Top of Materials provided
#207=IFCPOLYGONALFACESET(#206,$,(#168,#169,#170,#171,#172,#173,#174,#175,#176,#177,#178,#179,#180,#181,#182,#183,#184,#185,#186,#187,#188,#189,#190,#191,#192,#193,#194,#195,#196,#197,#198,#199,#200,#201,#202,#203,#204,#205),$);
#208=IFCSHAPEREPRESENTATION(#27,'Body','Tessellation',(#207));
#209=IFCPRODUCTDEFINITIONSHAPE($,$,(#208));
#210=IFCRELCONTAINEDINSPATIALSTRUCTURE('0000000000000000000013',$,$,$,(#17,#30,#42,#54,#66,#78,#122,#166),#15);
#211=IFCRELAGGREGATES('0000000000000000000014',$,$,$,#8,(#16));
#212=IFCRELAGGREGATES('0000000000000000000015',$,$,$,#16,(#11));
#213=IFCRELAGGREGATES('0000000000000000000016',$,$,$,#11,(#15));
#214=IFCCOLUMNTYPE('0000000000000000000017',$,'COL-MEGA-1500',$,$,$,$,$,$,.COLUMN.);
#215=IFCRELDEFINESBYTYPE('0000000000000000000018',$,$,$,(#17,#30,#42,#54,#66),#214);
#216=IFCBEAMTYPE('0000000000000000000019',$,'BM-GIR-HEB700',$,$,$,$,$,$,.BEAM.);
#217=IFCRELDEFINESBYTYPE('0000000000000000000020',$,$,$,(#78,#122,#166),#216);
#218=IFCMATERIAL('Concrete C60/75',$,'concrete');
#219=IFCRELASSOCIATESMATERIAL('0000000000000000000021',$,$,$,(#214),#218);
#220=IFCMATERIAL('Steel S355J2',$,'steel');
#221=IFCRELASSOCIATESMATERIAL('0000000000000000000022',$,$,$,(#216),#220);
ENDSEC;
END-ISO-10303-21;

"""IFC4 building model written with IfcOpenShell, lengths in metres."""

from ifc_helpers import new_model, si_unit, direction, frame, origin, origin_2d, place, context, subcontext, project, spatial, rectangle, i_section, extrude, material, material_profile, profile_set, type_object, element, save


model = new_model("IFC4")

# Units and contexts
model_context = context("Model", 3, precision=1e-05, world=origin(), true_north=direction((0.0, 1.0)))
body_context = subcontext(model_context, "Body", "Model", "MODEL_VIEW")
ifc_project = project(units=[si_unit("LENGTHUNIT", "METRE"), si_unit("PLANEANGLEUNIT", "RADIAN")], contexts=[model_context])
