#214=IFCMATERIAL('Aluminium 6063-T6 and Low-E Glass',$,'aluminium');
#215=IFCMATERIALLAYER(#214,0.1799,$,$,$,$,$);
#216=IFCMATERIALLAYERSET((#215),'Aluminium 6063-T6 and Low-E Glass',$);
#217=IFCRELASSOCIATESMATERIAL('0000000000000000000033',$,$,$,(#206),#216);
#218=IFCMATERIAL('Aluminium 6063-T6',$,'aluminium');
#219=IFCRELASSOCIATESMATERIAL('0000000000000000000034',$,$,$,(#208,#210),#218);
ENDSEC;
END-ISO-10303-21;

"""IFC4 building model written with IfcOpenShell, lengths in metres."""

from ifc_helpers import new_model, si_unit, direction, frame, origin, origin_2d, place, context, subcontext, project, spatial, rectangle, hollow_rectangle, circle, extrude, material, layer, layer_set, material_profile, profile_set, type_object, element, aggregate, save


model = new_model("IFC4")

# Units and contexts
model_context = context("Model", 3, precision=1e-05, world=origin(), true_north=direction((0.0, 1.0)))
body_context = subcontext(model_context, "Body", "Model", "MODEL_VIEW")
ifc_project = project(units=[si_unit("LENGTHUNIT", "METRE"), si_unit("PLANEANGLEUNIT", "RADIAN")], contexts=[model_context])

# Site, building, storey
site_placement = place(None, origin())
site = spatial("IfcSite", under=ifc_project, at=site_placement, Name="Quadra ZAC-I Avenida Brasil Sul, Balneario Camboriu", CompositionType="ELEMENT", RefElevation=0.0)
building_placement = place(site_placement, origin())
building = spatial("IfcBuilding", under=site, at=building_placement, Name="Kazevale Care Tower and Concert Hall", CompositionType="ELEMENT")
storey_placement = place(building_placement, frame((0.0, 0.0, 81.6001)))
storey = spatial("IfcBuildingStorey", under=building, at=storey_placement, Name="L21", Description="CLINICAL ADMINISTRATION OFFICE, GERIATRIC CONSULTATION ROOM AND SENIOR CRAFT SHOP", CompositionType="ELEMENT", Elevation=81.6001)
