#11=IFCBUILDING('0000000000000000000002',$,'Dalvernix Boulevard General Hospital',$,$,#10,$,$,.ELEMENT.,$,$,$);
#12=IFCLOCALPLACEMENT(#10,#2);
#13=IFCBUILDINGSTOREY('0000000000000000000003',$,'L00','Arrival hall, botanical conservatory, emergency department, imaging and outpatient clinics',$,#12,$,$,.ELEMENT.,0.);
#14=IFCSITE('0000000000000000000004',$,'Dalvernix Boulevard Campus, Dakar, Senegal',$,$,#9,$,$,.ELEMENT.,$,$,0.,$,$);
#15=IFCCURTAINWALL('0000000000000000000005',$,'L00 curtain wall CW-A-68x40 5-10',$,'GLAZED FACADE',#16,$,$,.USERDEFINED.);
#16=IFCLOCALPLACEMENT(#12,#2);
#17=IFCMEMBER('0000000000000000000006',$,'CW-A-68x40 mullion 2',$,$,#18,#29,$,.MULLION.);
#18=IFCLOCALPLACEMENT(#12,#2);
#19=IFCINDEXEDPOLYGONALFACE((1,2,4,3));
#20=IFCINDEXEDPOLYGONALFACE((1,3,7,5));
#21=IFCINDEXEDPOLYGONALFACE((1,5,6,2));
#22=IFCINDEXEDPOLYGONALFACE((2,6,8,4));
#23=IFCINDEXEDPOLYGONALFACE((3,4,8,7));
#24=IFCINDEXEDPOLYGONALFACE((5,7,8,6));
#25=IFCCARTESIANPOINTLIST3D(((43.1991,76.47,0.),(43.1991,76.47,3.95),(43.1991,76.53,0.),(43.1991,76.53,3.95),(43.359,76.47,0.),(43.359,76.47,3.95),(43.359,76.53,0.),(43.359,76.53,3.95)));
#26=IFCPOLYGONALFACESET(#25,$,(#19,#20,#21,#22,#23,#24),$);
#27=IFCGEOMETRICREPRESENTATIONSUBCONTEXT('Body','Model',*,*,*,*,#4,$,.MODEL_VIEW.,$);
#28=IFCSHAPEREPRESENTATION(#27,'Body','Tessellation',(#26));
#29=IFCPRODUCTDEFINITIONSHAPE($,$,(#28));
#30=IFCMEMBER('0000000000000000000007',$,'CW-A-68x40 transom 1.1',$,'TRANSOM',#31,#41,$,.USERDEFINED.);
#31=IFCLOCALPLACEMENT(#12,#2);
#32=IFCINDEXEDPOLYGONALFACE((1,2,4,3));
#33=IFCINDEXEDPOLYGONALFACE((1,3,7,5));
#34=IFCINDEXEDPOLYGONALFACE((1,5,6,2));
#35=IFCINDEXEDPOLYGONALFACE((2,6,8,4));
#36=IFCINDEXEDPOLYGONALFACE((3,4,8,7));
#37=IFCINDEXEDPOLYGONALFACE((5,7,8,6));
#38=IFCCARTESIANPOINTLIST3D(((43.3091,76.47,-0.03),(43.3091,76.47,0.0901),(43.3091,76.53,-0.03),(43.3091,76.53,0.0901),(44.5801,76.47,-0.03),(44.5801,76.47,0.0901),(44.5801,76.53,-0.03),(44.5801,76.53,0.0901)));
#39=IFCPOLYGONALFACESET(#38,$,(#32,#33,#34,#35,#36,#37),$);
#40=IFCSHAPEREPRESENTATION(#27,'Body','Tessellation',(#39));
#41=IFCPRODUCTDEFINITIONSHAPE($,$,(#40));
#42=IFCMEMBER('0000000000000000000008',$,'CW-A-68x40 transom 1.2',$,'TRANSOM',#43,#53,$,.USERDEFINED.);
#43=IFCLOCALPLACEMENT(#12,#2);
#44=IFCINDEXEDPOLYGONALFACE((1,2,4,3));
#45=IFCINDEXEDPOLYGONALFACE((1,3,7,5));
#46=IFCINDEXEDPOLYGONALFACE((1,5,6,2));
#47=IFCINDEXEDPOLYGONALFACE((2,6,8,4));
Bottom of Materials provided
- **Task item**
Show, from the records above, every line that includes "USERDEFINED".

- **Solution to this problem**
#15=IFCCURTAINWALL('0000000000000000000005',$,'L00 curtain wall CW-A-68x40 5-10',$,'GLAZED FACADE',#16,$,$,.USERDEFINED.);
#30=IFCMEMBER('0000000000000000000007',$,'CW-A-68x40 transom 1.1',$,'TRANSOM',#31,#41,$,.USERDEFINED.);
#42=IFCMEMBER('0000000000000000000008',$,'CW-A-68x40 transom 1.2',$,'TRANSOM',#43,#53,$,.USERDEFINED.);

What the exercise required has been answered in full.